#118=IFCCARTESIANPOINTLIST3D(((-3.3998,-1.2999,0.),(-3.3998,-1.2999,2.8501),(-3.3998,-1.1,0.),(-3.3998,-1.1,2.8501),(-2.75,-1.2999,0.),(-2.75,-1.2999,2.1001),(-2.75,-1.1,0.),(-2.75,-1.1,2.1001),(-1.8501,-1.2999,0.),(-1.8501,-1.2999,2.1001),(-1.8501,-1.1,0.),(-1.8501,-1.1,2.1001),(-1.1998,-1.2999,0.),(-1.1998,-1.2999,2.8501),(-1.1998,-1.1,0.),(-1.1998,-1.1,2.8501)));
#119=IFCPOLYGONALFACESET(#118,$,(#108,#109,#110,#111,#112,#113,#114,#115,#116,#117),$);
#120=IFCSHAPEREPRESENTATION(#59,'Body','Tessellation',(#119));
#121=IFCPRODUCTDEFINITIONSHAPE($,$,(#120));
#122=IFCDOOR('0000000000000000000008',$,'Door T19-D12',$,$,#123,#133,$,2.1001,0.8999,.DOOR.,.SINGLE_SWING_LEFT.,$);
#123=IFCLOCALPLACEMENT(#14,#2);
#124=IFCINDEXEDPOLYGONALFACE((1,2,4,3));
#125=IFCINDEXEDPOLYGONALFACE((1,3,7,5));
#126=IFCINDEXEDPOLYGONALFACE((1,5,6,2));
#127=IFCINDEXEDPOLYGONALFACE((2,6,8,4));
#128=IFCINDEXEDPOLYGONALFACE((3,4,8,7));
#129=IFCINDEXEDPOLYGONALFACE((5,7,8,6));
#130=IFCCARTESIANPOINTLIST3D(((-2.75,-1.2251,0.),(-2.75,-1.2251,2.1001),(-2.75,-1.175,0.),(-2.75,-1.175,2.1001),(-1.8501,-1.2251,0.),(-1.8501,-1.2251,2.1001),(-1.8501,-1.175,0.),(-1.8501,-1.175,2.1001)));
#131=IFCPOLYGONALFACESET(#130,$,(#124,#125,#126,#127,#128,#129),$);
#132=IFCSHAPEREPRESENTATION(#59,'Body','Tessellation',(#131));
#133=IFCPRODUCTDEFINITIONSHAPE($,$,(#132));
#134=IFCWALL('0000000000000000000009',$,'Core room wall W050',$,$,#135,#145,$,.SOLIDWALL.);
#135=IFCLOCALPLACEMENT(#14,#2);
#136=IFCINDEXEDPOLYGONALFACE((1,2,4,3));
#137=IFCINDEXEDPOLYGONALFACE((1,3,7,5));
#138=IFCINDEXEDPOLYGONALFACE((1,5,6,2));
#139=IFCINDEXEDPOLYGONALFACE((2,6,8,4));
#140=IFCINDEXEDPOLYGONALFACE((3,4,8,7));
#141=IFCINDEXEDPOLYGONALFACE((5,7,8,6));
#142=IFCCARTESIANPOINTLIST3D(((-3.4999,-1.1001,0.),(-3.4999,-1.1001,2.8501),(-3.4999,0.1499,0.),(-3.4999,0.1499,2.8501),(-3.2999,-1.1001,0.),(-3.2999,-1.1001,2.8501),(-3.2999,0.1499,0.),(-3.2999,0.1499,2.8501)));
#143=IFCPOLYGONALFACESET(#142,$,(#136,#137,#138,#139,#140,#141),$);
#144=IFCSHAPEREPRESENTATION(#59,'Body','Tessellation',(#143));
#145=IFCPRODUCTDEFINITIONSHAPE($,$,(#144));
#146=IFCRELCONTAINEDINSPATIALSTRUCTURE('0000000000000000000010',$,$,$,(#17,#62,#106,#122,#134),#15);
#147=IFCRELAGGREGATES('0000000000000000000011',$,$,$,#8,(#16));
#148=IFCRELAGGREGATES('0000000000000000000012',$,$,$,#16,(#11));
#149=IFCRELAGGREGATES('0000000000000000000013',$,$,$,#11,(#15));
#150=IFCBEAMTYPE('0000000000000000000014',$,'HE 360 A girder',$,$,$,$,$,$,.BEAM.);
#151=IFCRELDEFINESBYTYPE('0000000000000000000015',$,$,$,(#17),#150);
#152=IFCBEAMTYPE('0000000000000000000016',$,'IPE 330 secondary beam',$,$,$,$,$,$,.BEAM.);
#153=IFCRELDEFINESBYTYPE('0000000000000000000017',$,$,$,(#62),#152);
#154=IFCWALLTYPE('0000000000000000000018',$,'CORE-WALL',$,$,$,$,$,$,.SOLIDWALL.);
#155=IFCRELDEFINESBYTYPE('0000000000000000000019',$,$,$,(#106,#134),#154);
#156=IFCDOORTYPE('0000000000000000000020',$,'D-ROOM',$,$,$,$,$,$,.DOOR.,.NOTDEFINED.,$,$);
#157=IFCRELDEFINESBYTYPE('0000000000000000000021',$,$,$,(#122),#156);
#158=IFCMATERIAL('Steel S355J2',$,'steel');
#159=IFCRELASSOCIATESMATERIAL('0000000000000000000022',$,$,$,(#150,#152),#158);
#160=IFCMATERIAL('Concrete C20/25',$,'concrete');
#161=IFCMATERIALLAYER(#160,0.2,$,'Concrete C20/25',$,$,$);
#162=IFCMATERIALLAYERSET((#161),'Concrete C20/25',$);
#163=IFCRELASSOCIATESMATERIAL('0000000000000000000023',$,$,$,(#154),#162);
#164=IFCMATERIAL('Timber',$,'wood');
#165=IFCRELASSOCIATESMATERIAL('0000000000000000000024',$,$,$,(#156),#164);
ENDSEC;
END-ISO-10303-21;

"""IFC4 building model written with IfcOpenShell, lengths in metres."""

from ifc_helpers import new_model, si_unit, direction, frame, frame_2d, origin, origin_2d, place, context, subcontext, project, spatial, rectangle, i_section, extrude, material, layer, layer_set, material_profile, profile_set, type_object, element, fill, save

══════════════════════════════

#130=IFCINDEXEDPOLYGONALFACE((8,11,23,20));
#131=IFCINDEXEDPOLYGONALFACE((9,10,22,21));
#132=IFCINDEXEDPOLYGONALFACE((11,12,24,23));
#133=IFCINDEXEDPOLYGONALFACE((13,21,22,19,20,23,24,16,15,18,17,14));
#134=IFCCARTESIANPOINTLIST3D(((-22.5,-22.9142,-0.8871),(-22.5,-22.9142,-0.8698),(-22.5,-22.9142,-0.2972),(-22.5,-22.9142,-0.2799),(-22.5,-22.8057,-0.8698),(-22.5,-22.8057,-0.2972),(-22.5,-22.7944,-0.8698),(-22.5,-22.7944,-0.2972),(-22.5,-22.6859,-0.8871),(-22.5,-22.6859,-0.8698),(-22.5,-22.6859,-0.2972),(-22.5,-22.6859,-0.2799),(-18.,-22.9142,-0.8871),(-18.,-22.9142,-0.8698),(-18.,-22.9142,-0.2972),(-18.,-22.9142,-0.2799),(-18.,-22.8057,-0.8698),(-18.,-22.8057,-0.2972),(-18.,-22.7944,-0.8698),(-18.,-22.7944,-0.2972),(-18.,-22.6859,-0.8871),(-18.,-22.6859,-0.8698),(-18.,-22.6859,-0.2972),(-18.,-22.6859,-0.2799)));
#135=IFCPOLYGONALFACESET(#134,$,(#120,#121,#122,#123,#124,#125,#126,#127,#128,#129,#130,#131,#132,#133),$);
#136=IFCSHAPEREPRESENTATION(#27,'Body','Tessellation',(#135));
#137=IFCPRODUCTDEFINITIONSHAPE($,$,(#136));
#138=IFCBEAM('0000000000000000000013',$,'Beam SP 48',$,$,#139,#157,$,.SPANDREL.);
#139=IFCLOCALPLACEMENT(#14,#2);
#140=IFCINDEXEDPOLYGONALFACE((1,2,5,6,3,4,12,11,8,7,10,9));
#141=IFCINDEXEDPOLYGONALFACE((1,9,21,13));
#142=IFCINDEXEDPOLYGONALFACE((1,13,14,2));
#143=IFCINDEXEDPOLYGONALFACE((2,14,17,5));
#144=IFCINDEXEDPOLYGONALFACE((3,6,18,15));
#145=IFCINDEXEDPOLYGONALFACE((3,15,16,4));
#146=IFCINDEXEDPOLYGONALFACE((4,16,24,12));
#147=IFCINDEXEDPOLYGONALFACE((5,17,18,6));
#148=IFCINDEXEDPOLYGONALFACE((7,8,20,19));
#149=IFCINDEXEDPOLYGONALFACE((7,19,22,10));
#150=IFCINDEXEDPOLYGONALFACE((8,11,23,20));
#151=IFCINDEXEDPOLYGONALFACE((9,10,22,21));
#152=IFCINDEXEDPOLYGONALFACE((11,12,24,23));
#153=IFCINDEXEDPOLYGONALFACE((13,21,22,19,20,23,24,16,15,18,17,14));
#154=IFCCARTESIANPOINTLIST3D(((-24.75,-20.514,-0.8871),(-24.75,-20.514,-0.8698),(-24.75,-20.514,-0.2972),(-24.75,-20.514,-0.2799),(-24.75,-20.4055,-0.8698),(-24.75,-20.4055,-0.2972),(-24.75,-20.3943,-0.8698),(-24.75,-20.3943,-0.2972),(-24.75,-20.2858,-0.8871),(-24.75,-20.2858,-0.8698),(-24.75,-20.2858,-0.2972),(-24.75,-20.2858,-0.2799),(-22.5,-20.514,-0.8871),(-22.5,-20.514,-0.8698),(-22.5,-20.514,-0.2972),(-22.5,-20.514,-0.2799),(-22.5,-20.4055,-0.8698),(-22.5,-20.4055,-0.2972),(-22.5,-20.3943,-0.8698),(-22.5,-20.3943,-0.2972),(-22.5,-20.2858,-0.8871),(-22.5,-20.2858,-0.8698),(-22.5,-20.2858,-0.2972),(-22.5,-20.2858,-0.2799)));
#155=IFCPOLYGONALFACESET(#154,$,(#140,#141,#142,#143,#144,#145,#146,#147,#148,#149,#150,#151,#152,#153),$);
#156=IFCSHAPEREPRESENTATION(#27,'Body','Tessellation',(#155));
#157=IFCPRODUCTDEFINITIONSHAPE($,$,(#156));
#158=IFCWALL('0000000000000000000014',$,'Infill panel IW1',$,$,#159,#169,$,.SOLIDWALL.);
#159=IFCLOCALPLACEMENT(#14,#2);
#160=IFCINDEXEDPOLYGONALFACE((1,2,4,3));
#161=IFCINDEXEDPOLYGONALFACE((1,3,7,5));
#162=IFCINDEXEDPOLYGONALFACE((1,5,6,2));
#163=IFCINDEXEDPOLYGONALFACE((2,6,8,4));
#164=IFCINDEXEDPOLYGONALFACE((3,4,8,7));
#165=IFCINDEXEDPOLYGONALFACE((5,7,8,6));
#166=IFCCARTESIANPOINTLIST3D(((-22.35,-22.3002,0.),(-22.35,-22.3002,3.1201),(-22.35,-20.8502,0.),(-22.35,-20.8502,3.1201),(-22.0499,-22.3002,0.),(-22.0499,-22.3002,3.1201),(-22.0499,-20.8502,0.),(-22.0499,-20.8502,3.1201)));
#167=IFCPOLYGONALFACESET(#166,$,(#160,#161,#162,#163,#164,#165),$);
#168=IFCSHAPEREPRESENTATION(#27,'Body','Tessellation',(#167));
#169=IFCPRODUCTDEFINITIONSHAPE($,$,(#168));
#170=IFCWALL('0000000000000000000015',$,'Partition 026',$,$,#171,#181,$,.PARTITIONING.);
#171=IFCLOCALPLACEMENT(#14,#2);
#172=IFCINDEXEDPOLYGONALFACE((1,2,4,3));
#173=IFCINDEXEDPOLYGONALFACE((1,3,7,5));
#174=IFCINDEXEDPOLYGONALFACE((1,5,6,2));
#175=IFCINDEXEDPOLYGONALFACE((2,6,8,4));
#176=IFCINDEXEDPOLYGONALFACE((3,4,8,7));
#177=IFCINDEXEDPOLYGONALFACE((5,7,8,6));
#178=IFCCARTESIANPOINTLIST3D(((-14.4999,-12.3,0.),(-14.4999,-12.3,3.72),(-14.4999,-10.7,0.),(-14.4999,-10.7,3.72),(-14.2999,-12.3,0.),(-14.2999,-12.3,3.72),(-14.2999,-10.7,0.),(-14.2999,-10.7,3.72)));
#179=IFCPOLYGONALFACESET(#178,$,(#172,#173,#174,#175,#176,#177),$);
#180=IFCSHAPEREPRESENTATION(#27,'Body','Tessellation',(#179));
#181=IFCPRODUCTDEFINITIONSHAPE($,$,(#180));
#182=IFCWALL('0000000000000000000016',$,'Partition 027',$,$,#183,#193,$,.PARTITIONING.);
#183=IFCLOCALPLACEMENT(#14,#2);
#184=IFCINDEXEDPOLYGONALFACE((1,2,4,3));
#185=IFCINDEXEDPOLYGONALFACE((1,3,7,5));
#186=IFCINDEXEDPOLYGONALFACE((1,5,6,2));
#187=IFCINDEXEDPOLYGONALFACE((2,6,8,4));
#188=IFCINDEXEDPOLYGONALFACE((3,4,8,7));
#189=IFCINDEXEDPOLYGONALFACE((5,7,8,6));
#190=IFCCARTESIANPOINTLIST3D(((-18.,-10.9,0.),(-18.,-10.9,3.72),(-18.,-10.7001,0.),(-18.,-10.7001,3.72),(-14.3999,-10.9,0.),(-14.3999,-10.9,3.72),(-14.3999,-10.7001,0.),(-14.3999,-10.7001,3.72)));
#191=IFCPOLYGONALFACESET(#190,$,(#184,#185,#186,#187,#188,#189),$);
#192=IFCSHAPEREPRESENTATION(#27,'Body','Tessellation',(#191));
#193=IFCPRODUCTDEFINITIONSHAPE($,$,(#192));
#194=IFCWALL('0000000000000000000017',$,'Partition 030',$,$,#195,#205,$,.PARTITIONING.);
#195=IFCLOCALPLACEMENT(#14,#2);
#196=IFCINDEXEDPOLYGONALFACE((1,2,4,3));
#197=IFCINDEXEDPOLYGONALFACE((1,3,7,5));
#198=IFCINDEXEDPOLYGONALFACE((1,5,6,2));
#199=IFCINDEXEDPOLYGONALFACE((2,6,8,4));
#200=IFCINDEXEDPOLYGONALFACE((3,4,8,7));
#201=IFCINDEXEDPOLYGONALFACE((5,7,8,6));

══════════════════════════════

### Exercise brief
Say how many lines in the data include the string "IFCPRODUCTDEFINITIONSHAPE", giving the number alone.

### Reply to the task
8